◆ Task
Show, in full, each line of the data that contains "number".

◆ Material provided
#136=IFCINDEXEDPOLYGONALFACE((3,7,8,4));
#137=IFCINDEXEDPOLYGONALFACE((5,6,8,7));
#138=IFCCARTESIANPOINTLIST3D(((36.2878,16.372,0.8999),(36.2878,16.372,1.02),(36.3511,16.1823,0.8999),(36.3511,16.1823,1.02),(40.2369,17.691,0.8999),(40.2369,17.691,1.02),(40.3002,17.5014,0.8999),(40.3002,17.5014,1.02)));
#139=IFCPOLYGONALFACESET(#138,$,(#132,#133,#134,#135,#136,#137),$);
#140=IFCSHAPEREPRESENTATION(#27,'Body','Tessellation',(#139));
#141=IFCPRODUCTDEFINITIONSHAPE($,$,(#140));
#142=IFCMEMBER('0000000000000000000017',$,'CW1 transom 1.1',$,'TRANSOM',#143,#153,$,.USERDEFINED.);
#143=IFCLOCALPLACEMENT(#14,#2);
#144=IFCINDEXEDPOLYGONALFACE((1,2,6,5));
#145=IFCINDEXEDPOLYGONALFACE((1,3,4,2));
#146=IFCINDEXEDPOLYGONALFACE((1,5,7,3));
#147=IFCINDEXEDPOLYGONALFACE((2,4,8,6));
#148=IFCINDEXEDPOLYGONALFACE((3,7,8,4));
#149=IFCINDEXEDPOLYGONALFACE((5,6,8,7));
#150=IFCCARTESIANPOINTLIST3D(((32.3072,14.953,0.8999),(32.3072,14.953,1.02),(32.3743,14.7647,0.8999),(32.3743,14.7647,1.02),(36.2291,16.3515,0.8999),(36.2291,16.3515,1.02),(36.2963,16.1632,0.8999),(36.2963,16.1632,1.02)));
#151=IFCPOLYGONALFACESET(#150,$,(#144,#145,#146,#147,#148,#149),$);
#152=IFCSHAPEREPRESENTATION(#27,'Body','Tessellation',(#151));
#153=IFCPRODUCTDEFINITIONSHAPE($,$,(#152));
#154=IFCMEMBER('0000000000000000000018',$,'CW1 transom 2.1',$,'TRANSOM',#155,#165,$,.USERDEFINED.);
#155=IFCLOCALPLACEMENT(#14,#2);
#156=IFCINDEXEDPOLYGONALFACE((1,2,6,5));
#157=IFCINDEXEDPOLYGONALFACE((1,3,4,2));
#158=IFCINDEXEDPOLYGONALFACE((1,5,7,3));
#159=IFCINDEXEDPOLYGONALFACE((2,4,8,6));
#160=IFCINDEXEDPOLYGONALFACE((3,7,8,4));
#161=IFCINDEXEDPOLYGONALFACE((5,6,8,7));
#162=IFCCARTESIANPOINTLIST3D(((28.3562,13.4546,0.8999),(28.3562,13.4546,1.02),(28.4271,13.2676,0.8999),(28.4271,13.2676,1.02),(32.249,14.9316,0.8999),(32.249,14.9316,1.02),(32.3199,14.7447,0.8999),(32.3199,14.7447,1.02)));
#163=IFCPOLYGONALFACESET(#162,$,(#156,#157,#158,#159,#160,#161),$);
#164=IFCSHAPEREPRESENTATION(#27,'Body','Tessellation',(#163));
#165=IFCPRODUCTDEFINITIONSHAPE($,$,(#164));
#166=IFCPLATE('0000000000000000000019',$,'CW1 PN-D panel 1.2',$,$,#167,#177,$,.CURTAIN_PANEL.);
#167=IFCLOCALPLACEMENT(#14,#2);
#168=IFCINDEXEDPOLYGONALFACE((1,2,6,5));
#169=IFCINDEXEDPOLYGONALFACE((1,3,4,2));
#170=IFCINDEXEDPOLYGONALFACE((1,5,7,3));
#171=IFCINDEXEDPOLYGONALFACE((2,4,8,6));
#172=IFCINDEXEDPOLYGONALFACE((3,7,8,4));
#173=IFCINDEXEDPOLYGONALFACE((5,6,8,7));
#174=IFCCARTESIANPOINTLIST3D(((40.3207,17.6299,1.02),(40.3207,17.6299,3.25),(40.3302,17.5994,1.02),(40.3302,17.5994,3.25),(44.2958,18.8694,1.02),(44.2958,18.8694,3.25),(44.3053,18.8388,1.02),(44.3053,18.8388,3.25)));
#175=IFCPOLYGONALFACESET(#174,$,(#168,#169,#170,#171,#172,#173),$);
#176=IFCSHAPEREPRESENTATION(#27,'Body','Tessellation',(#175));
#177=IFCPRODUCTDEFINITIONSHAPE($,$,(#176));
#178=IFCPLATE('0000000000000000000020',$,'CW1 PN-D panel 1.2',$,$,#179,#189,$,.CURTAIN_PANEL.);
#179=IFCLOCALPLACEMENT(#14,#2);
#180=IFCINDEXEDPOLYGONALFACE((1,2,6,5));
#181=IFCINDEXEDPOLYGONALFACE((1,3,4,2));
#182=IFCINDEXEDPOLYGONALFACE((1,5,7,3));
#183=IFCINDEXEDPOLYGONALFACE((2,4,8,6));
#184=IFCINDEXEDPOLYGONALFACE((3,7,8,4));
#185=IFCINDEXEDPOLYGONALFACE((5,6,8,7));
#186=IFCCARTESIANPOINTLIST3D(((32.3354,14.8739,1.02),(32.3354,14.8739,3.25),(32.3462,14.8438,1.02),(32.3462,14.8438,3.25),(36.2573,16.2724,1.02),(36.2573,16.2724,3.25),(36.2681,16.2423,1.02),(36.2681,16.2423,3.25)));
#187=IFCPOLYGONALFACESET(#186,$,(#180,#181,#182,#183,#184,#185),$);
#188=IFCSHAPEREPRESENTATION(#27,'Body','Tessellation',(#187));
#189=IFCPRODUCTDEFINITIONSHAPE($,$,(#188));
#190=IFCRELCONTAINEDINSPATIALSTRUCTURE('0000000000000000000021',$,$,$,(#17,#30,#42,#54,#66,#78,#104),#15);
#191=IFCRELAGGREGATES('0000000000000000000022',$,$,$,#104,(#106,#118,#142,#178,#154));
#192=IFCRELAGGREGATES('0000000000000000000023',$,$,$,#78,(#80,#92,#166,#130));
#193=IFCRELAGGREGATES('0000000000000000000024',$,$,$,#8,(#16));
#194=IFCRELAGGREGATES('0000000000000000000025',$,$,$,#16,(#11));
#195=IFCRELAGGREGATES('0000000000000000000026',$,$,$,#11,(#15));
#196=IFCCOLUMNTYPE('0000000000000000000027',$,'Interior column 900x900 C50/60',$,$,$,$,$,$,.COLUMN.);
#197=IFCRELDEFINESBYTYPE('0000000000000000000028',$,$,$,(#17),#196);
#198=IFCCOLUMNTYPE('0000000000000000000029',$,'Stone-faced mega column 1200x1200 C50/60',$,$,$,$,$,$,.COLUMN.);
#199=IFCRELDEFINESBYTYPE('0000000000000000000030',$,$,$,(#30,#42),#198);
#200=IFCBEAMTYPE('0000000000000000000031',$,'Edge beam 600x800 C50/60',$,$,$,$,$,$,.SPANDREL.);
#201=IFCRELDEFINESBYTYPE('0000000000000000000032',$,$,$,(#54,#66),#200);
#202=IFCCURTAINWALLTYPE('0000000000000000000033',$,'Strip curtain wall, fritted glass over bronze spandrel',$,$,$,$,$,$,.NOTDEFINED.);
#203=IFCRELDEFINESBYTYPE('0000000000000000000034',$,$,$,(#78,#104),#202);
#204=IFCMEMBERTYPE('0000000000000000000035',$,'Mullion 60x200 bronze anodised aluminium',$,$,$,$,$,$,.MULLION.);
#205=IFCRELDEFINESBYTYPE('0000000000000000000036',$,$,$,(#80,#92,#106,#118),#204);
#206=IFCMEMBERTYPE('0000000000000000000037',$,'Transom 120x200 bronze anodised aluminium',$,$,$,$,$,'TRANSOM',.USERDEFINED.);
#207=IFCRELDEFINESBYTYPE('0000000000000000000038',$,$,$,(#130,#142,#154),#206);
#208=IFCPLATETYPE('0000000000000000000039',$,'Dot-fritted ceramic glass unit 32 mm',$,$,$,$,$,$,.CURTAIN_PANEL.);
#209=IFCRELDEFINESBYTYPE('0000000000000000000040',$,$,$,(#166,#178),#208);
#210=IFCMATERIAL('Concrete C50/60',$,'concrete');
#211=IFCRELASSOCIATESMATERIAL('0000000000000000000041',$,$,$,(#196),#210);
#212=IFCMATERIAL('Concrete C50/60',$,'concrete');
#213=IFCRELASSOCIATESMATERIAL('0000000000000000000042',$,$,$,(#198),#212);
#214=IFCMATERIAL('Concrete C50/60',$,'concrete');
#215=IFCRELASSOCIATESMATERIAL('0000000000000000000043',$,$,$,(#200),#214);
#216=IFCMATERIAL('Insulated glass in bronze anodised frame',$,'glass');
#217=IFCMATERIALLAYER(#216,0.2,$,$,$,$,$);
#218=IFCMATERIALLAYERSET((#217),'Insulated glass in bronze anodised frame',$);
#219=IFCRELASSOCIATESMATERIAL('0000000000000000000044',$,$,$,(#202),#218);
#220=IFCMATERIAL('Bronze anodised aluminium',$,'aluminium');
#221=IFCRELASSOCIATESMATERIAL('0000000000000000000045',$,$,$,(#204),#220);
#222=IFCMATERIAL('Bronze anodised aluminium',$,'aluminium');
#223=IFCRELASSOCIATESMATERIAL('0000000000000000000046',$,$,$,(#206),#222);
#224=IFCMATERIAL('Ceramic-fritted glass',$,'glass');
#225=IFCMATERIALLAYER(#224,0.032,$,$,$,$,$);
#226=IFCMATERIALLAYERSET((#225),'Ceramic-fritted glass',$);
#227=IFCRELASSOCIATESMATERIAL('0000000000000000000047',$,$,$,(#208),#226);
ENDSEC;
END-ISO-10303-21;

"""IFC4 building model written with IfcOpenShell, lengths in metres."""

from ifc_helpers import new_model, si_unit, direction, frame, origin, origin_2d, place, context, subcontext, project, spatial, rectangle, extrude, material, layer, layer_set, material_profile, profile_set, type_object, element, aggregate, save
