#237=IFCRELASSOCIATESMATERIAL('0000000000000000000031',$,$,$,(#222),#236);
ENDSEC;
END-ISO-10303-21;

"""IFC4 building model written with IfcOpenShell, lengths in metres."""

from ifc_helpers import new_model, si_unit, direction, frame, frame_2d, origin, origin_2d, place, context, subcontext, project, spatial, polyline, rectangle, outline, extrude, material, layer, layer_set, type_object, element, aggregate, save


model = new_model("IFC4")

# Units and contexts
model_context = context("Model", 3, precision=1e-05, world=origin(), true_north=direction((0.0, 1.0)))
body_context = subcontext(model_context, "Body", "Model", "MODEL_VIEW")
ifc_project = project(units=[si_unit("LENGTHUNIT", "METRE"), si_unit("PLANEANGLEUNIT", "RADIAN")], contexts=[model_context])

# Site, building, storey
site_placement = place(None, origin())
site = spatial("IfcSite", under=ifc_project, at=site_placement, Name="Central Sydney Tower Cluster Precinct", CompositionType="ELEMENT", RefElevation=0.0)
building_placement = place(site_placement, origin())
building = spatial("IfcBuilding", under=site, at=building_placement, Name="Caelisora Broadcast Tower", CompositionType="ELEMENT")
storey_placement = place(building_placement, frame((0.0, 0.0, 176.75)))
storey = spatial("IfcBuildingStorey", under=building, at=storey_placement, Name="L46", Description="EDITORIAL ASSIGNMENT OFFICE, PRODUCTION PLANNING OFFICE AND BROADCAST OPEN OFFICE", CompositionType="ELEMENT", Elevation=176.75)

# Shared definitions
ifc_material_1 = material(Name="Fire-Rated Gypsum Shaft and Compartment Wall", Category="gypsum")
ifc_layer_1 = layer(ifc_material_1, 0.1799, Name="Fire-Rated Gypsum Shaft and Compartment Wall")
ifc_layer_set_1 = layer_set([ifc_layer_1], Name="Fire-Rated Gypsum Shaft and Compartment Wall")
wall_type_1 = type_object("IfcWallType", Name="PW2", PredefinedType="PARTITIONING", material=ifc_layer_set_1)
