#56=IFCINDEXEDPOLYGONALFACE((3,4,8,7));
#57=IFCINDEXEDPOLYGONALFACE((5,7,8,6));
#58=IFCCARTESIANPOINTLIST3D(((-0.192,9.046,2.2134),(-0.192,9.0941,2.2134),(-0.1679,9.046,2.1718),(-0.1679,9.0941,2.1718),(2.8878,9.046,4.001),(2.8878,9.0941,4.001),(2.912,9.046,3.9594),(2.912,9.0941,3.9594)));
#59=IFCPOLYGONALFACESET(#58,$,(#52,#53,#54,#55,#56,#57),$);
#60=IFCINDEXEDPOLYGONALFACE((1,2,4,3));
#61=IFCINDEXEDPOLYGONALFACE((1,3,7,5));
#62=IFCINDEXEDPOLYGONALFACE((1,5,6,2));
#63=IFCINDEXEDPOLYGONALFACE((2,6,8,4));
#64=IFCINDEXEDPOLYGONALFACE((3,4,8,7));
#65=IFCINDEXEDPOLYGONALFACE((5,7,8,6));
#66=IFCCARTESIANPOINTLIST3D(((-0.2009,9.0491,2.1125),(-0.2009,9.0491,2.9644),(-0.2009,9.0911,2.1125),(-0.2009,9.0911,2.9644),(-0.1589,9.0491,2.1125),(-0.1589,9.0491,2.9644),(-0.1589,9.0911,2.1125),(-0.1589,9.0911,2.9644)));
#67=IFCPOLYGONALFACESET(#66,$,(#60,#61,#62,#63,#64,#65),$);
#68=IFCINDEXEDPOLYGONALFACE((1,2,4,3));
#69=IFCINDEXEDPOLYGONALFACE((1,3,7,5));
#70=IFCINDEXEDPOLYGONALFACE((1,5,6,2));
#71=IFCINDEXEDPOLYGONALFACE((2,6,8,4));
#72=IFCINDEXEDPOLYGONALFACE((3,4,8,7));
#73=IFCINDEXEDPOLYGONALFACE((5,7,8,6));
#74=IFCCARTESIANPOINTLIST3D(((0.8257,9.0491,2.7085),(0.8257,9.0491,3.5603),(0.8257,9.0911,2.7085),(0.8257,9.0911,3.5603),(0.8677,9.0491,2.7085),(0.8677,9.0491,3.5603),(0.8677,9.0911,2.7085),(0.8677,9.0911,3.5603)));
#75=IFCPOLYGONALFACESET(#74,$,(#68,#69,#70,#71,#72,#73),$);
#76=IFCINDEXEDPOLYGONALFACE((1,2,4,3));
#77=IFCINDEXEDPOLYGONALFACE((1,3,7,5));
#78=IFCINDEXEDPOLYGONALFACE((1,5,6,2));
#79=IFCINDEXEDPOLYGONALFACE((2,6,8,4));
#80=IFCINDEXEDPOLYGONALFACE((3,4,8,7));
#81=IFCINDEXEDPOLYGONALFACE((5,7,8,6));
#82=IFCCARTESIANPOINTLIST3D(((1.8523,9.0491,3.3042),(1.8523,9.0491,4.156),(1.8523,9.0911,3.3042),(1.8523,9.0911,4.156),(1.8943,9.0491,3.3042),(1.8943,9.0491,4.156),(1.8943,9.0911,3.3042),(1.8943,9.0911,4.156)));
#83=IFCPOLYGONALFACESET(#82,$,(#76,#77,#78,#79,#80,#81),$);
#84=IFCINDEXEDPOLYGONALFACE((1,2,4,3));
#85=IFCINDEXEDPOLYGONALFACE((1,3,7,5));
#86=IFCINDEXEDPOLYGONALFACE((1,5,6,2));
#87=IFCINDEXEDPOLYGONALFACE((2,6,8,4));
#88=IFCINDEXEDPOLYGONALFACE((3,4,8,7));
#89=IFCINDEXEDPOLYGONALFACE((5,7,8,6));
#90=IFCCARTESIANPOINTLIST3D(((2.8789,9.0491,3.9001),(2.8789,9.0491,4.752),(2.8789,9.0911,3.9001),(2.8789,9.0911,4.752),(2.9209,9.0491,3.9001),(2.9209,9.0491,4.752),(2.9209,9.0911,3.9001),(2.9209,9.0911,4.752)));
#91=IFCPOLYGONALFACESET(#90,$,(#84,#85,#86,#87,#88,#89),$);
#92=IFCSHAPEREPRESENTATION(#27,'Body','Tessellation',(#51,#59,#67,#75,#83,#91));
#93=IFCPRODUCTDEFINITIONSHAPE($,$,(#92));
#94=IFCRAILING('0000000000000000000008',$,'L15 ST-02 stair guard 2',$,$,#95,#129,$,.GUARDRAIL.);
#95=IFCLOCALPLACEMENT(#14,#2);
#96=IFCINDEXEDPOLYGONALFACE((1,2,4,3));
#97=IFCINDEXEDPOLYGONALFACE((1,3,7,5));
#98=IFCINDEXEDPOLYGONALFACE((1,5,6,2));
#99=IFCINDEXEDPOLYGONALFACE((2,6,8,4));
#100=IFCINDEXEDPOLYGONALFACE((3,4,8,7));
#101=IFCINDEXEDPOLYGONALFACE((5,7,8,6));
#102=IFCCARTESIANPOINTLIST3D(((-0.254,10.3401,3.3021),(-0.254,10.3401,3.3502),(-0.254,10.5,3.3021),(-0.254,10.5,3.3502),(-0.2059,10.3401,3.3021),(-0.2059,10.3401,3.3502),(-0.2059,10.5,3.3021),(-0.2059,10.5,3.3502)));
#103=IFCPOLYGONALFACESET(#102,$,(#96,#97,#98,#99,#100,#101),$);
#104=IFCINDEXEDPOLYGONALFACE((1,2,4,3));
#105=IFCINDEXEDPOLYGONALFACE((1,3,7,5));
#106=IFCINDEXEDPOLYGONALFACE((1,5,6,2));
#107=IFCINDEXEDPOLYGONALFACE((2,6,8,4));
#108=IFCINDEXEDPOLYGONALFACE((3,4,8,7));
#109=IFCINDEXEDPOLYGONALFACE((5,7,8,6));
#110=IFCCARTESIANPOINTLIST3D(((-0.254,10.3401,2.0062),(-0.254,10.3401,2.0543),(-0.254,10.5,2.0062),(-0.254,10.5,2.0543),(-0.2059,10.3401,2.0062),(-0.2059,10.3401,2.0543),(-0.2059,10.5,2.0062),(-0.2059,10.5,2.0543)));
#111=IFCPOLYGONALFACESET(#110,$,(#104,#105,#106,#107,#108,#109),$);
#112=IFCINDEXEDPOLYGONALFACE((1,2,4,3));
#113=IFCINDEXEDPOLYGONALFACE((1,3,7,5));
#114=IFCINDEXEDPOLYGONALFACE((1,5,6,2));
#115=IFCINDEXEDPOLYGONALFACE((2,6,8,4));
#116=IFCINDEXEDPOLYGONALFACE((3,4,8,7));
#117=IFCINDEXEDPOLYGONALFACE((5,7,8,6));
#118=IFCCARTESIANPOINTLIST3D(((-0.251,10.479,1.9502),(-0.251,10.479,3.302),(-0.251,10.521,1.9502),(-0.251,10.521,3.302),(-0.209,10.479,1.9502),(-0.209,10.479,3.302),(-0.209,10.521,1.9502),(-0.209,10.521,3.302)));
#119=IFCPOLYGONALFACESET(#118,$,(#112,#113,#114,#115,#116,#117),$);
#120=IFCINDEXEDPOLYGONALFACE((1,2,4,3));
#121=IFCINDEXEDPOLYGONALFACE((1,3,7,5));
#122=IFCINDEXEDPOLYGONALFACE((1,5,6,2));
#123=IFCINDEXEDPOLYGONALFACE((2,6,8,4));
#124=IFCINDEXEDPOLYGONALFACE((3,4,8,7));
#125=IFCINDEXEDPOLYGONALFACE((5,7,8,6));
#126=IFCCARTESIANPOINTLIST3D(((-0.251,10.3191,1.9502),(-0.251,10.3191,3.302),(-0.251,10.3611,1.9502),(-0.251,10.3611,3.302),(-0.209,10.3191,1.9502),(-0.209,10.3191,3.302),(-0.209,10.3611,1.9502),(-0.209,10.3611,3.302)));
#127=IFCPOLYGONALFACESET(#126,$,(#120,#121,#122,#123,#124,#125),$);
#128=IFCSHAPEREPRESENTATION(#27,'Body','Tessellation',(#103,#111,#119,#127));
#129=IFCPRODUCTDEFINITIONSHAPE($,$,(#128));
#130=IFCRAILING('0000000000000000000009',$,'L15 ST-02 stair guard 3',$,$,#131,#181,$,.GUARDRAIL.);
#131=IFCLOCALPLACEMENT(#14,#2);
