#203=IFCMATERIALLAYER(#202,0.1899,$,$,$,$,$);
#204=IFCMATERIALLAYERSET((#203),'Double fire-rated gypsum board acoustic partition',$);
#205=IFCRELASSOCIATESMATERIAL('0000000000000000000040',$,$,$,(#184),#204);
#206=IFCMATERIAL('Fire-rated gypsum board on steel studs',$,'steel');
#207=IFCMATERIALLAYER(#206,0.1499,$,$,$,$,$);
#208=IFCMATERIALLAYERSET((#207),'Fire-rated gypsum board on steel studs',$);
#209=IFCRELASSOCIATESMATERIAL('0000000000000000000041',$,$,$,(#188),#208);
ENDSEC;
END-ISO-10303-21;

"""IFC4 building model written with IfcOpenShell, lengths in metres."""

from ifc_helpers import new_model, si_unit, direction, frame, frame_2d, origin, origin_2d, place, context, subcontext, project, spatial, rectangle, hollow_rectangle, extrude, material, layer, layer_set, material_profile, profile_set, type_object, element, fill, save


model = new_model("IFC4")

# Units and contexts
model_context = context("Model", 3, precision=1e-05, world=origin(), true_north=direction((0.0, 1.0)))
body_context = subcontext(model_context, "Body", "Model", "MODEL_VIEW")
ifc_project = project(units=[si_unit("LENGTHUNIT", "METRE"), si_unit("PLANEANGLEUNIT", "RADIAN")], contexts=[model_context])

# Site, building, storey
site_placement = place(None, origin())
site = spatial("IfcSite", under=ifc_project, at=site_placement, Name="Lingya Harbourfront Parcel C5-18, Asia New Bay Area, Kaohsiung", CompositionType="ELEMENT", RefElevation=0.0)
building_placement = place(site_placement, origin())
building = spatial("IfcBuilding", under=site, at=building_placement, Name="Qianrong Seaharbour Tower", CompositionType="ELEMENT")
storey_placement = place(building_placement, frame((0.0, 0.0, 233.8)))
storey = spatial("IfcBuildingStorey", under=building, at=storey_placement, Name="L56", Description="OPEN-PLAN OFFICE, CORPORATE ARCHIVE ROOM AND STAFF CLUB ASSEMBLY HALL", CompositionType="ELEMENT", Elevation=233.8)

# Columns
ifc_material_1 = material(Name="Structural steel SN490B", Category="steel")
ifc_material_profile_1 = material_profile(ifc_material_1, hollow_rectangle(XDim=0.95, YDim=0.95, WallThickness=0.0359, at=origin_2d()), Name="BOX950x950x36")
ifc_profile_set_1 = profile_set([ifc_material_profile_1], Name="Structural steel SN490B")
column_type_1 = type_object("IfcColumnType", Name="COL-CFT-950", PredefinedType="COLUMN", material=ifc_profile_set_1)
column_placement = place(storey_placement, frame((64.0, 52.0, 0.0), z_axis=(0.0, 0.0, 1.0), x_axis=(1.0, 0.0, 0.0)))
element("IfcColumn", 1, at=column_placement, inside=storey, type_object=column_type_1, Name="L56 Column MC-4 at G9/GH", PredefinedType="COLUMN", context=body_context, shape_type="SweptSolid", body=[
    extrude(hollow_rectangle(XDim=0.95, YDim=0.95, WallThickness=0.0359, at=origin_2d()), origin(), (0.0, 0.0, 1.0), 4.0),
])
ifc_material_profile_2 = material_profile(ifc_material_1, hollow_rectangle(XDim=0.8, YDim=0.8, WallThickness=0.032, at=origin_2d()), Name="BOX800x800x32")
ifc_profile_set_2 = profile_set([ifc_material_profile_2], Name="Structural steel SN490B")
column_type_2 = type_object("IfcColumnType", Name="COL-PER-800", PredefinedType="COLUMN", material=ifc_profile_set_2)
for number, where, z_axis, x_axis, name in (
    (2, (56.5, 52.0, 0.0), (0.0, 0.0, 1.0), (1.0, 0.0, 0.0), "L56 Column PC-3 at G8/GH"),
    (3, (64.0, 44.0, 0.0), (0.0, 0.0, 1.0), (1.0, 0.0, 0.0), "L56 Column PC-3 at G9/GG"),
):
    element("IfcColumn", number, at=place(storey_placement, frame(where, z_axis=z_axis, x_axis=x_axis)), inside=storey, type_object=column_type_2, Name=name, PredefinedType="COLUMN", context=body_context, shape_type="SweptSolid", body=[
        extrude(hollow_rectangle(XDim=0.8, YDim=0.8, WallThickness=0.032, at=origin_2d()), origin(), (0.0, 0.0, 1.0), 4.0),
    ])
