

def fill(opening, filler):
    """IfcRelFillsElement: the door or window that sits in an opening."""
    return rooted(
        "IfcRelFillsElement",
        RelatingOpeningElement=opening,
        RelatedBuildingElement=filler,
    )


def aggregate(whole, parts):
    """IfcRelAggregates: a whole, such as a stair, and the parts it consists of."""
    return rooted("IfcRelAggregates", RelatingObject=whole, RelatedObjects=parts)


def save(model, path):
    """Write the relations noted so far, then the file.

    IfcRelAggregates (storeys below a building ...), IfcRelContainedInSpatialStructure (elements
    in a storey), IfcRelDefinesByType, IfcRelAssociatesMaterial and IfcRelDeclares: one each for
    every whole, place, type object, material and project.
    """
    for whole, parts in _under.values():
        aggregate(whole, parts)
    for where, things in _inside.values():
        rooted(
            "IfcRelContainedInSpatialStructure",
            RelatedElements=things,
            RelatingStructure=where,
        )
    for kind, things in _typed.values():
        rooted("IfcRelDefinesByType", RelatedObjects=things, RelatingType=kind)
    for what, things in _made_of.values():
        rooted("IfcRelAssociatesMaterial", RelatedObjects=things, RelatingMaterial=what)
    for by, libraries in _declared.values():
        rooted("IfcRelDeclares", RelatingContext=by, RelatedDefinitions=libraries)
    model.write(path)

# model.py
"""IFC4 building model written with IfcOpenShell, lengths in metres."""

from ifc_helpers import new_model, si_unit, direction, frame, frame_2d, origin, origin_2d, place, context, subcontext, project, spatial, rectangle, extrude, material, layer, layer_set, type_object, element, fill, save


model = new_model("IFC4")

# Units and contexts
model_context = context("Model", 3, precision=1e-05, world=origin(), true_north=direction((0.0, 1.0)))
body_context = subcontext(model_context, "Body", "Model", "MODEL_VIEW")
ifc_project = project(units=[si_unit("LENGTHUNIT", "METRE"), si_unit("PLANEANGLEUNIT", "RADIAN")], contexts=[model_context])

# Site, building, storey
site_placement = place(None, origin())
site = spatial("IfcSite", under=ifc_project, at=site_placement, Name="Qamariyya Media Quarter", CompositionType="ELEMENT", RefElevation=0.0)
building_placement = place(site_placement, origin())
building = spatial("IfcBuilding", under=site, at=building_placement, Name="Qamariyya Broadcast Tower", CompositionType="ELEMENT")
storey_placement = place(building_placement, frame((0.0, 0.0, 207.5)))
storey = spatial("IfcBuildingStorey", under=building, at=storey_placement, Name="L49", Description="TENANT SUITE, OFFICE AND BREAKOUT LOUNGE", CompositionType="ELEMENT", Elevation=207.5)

◆ Output for this task
for number, where, z_axis, x_axis, name in (
    element("IfcColumn", number, at=place(storey_placement, frame(where, z_axis=z_axis, x_axis=x_axis)), inside=storey, type_object=column_type_2, Name=name, PredefinedType="COLUMN", context=body_context, shape_type="SweptSolid", body=[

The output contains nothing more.